## Supplied records
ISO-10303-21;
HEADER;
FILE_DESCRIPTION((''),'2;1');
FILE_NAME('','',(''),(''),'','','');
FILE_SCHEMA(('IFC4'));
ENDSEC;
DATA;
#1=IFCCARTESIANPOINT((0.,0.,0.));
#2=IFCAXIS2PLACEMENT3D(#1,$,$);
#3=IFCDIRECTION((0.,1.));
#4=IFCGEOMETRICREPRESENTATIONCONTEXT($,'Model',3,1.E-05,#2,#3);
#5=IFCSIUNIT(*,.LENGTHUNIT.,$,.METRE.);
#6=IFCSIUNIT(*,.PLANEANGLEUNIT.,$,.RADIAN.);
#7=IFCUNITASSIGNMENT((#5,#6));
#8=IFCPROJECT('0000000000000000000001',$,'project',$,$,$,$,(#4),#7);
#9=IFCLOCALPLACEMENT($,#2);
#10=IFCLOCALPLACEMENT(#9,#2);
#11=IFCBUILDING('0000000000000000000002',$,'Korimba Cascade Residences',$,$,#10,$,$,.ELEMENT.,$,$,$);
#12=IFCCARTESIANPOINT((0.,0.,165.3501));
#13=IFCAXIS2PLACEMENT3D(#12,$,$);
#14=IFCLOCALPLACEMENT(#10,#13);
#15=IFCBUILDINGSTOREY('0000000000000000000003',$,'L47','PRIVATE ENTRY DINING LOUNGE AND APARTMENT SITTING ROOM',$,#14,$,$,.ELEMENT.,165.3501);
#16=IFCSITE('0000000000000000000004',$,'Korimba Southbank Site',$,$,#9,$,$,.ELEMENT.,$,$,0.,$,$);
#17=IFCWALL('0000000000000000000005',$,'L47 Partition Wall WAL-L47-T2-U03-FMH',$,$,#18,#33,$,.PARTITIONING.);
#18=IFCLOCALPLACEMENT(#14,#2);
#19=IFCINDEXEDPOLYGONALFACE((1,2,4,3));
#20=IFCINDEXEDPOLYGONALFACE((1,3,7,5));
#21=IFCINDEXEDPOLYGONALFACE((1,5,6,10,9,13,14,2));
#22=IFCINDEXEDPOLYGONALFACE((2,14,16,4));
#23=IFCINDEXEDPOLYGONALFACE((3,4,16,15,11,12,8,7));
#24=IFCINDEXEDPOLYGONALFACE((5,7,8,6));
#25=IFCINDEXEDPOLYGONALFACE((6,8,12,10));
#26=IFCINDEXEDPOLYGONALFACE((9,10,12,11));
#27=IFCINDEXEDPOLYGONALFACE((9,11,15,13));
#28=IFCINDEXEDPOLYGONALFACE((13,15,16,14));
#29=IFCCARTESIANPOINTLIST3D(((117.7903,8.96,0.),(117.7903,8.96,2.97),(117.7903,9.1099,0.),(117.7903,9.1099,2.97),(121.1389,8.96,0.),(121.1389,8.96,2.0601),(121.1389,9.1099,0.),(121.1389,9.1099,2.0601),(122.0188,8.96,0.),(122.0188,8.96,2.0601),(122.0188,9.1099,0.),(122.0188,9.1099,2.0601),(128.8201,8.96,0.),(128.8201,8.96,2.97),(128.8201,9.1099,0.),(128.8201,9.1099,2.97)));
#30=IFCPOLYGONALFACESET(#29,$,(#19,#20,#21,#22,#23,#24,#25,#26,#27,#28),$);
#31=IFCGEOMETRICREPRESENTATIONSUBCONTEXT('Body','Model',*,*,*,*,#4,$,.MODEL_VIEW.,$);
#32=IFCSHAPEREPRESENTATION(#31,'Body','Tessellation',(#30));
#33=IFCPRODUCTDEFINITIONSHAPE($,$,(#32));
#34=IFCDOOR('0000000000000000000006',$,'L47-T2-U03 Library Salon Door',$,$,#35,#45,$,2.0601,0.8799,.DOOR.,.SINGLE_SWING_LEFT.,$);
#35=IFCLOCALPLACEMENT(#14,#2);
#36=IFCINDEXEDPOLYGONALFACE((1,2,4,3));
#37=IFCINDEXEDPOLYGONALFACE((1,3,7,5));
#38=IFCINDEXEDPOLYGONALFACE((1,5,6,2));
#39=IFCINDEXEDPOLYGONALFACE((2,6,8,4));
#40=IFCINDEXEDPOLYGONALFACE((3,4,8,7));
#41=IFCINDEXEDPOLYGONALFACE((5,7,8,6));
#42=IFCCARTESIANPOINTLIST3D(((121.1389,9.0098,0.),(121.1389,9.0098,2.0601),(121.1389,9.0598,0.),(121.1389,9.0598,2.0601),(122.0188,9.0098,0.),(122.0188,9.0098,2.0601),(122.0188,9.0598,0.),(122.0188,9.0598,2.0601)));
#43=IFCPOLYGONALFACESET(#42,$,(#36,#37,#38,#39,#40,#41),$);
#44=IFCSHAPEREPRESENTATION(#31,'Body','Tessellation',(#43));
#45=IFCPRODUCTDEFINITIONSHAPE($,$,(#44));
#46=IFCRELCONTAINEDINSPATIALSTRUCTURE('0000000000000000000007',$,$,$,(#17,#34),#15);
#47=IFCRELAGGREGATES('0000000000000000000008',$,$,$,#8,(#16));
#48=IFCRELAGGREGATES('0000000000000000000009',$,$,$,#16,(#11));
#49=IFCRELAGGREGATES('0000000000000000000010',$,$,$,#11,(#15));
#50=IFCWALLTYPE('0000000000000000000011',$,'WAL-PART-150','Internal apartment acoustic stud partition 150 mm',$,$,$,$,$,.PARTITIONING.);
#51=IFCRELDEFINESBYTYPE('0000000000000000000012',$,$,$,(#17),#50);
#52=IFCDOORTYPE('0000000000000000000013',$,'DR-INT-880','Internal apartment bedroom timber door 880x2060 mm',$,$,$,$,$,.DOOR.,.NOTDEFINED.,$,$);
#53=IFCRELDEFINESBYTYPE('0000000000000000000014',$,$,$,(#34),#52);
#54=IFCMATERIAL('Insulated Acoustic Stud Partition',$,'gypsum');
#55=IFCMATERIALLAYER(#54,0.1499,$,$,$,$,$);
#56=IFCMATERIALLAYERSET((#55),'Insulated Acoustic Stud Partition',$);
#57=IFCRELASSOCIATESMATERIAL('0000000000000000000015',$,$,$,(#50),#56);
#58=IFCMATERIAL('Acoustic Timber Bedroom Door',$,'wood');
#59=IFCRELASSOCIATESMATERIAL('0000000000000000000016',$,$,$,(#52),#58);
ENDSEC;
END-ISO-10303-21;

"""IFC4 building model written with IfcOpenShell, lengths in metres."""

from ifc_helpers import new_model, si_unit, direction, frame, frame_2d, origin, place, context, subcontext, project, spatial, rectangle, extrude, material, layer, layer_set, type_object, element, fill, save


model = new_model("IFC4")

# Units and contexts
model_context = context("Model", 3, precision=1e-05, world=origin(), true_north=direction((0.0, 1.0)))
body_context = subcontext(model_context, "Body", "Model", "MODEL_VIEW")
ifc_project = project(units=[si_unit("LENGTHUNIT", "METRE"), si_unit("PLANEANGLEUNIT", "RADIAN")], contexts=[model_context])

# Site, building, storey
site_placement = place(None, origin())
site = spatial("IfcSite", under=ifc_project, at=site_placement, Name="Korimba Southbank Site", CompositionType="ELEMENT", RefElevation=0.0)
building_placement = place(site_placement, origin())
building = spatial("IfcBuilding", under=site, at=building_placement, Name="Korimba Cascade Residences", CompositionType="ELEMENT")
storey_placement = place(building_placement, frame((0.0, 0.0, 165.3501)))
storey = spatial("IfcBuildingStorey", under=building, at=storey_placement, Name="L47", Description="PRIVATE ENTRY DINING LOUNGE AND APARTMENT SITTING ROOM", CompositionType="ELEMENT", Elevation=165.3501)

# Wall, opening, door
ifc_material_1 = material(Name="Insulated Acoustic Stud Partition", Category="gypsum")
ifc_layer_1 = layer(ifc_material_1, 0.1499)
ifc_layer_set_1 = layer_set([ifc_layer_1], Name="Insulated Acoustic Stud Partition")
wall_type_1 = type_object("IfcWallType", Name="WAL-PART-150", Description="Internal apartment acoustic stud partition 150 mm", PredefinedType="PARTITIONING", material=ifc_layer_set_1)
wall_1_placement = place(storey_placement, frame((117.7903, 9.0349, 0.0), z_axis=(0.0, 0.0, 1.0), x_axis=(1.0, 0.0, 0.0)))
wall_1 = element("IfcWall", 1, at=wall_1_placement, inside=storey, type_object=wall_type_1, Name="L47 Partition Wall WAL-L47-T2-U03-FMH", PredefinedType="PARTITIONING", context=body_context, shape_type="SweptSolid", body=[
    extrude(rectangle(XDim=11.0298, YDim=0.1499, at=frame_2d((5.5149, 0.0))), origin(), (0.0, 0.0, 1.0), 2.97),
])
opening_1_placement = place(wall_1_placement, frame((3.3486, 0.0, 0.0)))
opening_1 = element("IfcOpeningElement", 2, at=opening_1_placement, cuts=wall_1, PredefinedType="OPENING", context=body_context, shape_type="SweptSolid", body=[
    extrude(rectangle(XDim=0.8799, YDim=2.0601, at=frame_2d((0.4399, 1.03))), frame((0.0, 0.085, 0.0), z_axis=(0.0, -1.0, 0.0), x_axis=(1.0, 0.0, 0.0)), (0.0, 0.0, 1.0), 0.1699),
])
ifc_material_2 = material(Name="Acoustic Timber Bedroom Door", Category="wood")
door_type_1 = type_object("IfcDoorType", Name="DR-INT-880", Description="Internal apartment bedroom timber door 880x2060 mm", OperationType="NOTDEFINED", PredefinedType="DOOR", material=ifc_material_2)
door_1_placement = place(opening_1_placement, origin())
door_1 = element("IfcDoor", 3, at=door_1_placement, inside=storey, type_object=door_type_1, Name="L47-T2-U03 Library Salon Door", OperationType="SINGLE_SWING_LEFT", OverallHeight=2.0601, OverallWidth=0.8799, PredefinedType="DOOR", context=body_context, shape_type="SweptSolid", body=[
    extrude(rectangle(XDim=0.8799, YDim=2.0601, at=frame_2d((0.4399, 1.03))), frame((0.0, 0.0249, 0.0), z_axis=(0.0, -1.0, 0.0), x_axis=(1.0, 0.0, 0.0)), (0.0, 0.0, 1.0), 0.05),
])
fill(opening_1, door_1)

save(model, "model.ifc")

* * *

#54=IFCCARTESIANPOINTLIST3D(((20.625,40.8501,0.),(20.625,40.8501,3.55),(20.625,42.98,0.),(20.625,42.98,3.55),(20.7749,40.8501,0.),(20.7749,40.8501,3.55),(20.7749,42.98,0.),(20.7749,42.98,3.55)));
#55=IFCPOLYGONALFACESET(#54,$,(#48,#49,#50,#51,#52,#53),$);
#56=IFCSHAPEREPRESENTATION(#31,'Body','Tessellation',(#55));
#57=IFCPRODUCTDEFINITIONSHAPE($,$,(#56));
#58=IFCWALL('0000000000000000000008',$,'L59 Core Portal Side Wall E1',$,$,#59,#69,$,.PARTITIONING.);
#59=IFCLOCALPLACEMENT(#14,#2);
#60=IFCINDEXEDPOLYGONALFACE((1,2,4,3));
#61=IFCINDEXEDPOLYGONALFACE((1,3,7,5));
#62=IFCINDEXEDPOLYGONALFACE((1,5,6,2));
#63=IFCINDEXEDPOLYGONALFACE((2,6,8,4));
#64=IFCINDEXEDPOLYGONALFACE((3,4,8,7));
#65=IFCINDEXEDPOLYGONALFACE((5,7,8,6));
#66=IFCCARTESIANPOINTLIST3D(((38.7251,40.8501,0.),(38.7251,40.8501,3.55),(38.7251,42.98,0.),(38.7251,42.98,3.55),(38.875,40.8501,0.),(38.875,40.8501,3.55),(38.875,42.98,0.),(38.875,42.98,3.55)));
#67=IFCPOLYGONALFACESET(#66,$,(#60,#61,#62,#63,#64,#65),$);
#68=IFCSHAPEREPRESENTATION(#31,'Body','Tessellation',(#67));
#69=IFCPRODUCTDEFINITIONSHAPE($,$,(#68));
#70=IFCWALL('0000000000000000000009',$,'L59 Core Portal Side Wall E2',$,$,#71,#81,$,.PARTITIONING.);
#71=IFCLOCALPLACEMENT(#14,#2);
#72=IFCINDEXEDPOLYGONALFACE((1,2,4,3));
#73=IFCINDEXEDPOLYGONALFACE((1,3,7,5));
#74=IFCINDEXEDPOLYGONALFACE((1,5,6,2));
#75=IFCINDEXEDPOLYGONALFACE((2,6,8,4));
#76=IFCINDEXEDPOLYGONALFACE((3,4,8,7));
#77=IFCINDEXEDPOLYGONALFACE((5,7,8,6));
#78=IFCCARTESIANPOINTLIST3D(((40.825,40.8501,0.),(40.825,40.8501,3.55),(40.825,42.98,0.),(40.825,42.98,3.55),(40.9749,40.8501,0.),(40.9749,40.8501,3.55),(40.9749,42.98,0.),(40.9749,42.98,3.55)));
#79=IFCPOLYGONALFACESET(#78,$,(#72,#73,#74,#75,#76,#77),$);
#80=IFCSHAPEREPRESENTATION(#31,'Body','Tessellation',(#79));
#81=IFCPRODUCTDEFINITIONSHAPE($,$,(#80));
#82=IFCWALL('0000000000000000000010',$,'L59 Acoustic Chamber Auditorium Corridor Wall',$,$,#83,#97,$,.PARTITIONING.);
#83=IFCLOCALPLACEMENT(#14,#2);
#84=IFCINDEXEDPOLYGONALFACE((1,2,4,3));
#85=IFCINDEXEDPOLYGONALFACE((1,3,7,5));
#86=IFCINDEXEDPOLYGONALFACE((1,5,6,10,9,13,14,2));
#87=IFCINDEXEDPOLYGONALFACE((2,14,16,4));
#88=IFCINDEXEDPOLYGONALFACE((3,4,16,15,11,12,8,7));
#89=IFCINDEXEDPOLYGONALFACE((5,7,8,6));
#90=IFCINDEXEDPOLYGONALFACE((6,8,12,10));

## Prompt
Sift through the entries and copy every line with "IFCRELAGGREGATES".

## Exercise answer
#47=IFCRELAGGREGATES('0000000000000000000008',$,$,$,#8,(#16));
#48=IFCRELAGGREGATES('0000000000000000000009',$,$,$,#16,(#11));
#49=IFCRELAGGREGATES('0000000000000000000010',$,$,$,#11,(#15));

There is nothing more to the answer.